◆ **WHAT THE TASK ASKS**:
From the listing below, return every line with the string "IFCWALLTYPE" in it.
:::
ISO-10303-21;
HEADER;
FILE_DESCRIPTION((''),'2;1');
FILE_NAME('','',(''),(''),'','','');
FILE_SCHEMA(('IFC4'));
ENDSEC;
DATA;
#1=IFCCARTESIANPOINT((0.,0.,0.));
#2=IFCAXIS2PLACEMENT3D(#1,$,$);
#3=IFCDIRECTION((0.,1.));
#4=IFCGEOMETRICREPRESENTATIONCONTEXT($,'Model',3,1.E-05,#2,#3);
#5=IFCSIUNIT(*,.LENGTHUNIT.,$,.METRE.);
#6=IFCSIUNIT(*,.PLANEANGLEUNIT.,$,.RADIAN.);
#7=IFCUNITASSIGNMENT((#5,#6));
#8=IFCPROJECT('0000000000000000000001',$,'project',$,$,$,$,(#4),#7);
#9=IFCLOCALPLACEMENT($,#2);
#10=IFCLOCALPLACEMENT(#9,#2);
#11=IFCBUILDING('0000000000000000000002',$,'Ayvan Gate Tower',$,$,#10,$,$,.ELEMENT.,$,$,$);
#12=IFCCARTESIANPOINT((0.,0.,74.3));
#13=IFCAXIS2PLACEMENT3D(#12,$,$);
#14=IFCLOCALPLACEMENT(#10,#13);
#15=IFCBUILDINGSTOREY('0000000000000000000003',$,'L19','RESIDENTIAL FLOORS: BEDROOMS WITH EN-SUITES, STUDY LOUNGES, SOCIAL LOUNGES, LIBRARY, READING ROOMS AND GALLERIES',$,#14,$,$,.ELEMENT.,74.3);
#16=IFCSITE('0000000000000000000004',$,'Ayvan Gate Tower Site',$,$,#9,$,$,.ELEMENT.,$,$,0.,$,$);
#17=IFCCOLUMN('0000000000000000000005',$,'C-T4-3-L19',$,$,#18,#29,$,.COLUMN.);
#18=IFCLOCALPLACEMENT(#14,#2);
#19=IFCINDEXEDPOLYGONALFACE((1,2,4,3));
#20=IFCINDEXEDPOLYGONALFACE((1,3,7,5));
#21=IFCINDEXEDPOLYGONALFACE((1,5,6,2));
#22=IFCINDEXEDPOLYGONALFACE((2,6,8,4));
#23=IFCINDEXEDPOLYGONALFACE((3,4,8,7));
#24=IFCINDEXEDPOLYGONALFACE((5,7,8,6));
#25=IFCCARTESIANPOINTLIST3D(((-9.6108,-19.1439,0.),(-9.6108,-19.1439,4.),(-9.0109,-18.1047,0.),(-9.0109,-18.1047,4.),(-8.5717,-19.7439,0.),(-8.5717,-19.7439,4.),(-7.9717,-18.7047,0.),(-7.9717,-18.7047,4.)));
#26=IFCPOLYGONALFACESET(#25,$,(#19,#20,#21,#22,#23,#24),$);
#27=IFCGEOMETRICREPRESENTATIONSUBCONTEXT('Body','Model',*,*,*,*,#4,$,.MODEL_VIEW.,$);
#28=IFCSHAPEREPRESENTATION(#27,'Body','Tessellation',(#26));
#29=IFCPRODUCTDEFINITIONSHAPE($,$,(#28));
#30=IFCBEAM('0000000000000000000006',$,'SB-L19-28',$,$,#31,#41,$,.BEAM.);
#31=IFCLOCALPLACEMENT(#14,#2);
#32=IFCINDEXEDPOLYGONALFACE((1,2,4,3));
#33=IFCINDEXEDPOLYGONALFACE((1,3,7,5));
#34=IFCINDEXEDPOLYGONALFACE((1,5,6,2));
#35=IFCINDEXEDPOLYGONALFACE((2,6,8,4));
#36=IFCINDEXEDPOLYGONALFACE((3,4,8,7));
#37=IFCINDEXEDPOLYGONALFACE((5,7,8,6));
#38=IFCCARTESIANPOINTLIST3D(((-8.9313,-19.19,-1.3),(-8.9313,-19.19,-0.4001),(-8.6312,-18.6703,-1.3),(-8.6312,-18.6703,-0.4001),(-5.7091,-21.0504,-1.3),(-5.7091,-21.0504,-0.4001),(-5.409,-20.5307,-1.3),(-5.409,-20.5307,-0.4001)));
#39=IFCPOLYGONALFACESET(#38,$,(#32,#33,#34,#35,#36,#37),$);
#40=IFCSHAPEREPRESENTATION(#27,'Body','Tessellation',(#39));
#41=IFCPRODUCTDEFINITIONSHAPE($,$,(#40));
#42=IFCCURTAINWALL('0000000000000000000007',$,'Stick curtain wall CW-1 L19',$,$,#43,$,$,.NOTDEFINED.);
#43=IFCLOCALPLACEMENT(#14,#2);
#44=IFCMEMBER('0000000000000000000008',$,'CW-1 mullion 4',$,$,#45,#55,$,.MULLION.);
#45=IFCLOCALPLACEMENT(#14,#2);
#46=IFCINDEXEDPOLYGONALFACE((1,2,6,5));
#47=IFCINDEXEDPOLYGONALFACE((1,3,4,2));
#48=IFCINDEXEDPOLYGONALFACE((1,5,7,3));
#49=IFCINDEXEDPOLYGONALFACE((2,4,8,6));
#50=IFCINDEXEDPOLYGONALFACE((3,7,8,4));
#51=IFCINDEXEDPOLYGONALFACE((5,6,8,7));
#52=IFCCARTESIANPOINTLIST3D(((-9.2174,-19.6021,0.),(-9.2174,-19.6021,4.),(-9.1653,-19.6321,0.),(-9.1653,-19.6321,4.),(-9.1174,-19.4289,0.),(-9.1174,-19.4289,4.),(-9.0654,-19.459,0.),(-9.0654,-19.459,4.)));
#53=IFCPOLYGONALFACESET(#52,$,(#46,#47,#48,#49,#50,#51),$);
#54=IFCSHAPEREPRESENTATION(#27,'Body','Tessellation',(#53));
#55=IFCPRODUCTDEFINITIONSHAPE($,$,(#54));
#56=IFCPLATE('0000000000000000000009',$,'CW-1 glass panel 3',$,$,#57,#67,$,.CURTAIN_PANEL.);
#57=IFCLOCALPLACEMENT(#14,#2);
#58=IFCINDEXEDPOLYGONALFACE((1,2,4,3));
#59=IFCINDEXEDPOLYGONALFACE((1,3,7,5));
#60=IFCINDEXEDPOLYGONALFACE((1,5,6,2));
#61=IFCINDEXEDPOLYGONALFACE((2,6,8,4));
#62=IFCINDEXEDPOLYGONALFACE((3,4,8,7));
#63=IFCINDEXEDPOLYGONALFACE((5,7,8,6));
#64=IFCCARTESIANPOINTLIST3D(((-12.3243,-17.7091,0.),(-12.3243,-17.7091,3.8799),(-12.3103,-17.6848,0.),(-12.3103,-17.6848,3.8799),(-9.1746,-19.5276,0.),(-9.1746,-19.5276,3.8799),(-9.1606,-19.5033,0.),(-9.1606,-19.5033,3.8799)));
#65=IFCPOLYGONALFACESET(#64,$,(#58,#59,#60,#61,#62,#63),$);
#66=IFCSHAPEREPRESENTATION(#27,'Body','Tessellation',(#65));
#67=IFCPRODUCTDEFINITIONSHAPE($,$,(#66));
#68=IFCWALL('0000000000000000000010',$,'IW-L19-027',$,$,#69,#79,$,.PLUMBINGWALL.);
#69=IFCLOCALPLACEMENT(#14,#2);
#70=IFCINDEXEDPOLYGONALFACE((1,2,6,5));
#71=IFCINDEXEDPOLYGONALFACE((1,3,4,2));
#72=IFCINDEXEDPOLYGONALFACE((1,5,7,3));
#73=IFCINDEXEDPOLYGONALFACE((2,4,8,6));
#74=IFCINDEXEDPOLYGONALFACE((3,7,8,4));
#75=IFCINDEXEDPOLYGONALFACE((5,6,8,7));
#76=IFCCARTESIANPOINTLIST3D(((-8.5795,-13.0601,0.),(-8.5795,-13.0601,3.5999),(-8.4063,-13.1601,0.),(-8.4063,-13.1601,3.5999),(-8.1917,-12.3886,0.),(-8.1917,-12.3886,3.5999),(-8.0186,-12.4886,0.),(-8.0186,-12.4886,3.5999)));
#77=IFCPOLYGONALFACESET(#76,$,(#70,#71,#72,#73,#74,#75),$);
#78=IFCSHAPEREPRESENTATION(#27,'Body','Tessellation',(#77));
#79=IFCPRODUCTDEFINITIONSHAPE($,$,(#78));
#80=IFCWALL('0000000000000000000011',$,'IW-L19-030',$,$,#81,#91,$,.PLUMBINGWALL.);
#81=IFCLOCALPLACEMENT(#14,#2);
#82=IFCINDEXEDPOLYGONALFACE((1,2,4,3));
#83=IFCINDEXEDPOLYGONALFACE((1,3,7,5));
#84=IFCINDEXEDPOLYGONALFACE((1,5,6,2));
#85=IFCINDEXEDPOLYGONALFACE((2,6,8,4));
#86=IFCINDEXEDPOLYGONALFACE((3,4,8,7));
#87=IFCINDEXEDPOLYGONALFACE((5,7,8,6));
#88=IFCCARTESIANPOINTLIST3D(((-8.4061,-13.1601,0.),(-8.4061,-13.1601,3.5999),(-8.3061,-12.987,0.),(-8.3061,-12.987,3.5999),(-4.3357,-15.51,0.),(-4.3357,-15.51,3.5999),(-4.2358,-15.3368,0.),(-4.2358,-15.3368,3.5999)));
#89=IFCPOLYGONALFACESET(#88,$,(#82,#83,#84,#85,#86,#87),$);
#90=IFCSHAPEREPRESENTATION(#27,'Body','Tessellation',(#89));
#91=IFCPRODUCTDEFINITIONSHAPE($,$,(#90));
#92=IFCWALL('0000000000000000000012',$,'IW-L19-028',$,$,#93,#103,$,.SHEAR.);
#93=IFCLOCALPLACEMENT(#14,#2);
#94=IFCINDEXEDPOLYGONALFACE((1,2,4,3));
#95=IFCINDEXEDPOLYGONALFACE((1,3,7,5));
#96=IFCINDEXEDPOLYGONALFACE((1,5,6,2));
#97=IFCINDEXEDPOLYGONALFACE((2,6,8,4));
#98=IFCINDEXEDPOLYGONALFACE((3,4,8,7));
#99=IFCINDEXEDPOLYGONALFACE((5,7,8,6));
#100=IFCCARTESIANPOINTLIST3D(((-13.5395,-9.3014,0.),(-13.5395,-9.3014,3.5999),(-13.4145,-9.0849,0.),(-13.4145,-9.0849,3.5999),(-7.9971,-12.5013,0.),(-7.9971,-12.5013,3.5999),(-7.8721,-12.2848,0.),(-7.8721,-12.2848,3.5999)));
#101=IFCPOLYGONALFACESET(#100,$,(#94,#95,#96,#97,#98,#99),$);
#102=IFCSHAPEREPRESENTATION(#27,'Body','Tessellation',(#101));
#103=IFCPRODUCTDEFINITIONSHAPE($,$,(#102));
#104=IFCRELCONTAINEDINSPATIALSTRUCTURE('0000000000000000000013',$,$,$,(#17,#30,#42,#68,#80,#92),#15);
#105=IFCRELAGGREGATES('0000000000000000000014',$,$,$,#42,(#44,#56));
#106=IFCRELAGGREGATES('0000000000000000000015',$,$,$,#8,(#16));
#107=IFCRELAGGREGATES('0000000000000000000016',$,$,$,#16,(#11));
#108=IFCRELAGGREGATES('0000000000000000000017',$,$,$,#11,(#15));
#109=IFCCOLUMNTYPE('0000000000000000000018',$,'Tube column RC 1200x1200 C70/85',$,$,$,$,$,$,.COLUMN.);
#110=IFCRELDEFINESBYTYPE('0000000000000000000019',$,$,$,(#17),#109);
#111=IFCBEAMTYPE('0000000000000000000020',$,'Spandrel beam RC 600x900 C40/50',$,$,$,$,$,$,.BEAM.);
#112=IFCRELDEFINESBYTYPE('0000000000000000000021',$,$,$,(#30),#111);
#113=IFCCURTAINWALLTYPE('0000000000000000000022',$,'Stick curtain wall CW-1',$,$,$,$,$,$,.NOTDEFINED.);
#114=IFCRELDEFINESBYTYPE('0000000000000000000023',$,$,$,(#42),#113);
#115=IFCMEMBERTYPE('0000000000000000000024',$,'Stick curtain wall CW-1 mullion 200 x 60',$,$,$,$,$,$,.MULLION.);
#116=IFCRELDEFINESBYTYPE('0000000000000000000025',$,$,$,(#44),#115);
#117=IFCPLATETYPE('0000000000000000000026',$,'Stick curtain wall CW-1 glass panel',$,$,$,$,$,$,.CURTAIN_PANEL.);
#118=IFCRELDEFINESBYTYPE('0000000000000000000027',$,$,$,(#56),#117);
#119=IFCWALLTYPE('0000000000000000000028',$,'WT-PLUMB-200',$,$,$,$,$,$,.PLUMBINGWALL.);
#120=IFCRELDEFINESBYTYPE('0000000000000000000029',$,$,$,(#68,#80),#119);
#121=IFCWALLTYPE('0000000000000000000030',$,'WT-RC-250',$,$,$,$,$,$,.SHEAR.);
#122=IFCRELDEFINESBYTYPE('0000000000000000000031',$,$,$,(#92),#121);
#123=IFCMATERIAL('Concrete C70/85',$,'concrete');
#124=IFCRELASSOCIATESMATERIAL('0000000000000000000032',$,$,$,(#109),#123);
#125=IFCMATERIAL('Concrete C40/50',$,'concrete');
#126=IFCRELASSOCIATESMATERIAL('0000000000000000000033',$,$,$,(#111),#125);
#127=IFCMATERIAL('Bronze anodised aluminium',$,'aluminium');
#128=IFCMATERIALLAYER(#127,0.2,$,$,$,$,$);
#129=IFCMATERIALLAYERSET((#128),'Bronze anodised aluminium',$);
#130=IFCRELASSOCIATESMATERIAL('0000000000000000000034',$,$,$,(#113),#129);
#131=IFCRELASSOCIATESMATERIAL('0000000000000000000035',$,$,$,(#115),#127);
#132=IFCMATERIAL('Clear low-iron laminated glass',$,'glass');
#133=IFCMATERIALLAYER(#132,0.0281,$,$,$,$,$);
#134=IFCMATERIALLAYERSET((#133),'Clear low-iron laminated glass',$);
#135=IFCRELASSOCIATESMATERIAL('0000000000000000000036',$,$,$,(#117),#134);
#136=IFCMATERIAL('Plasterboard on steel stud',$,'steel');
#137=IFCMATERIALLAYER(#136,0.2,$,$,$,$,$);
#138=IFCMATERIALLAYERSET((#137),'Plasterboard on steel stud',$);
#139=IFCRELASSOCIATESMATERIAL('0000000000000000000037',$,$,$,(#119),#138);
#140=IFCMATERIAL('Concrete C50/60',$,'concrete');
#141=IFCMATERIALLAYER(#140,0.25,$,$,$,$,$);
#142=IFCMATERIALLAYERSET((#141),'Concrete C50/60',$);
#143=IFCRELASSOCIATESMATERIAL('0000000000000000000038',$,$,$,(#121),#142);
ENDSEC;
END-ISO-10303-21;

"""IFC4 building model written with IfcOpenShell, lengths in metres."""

from ifc_helpers import new_model, si_unit, direction, frame, frame_2d, origin, origin_2d, place, context, subcontext, project, spatial, rectangle, extrude, material, layer, layer_set, material_profile, profile_set, type_object, element, aggregate, save


model = new_model("IFC4")

# Units and contexts
model_context = context("Model", 3, precision=1e-05, world=origin(), true_north=direction((0.0, 1.0)))
body_context = subcontext(model_context, "Body", "Model", "MODEL_VIEW")
ifc_project = project(units=[si_unit("LENGTHUNIT", "METRE"), si_unit("PLANEANGLEUNIT", "RADIAN")], contexts=[model_context])

# Site, building, storey
site_placement = place(None, origin())
site = spatial("IfcSite", under=ifc_project, at=site_placement, Name="Ayvan Gate Tower Site", CompositionType="ELEMENT", RefElevation=0.0)
building_placement = place(site_placement, origin())
building = spatial("IfcBuilding", under=site, at=building_placement, Name="Ayvan Gate Tower", CompositionType="ELEMENT")
storey_placement = place(building_placement, frame((0.0, 0.0, 74.3)))
storey = spatial("IfcBuildingStorey", under=building, at=storey_placement, Name="L19", Description="RESIDENTIAL FLOORS: BEDROOMS WITH EN-SUITES, STUDY LOUNGES, SOCIAL LOUNGES, LIBRARY, READING ROOMS AND GALLERIES", CompositionType="ELEMENT", Elevation=74.3)

# Column
ifc_material_1 = material(Name="Concrete C70/85", Category="concrete")
ifc_material_profile_1 = material_profile(ifc_material_1, rectangle(XDim=1.2, YDim=1.2, at=origin_2d()), Name="RC 1200x1200")
ifc_profile_set_1 = profile_set([ifc_material_profile_1], Name="Concrete C70/85")
column_type = type_object("IfcColumnType", Name="Tube column RC 1200x1200 C70/85", PredefinedType="COLUMN", material=ifc_profile_set_1)
column_placement = place(storey_placement, frame((-8.7913, -18.9243, 0.0), z_axis=(0.0, 0.0, 1.0), x_axis=(-0.5, -0.866025, 0.0)))
element("IfcColumn", 1, at=column_placement, inside=storey, type_object=column_type, Name="C-T4-3-L19", PredefinedType="COLUMN", context=body_context, shape_type="SweptSolid", body=[
    extrude(rectangle(XDim=1.2, YDim=1.2, at=origin_2d()), origin(), (0.0, 0.0, 1.0), 4.0),
])

# Beam
ifc_material_2 = material(Name="Concrete C40/50", Category="concrete")
ifc_material_profile_2 = material_profile(ifc_material_2, rectangle(XDim=0.6001, YDim=0.8999, at=origin_2d()), Name="RC 600x900")
ifc_profile_set_2 = profile_set([ifc_material_profile_2], Name="Concrete C40/50")
beam_type = type_object("IfcBeamType", Name="Spandrel beam RC 600x900 C40/50", PredefinedType="BEAM", material=ifc_profile_set_2)
beam_placement = place(storey_placement, frame((-8.7812, -18.9302, -0.8501), z_axis=(0.866022, -0.500006, 0.0), x_axis=(0.500006, 0.866022, 0.0)))
element("IfcBeam", 2, at=beam_placement, inside=storey, type_object=beam_type, Name="SB-L19-28", PredefinedType="BEAM", context=body_context, shape_type="SweptSolid", body=[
:::
◆ **RESPONSE**:
#119=IFCWALLTYPE('0000000000000000000028',$,'WT-PLUMB-200',$,$,$,$,$,$,.PLUMBINGWALL.);
#121=IFCWALLTYPE('0000000000000000000030',$,'WT-RC-250',$,$,$,$,$,$,.SHEAR.);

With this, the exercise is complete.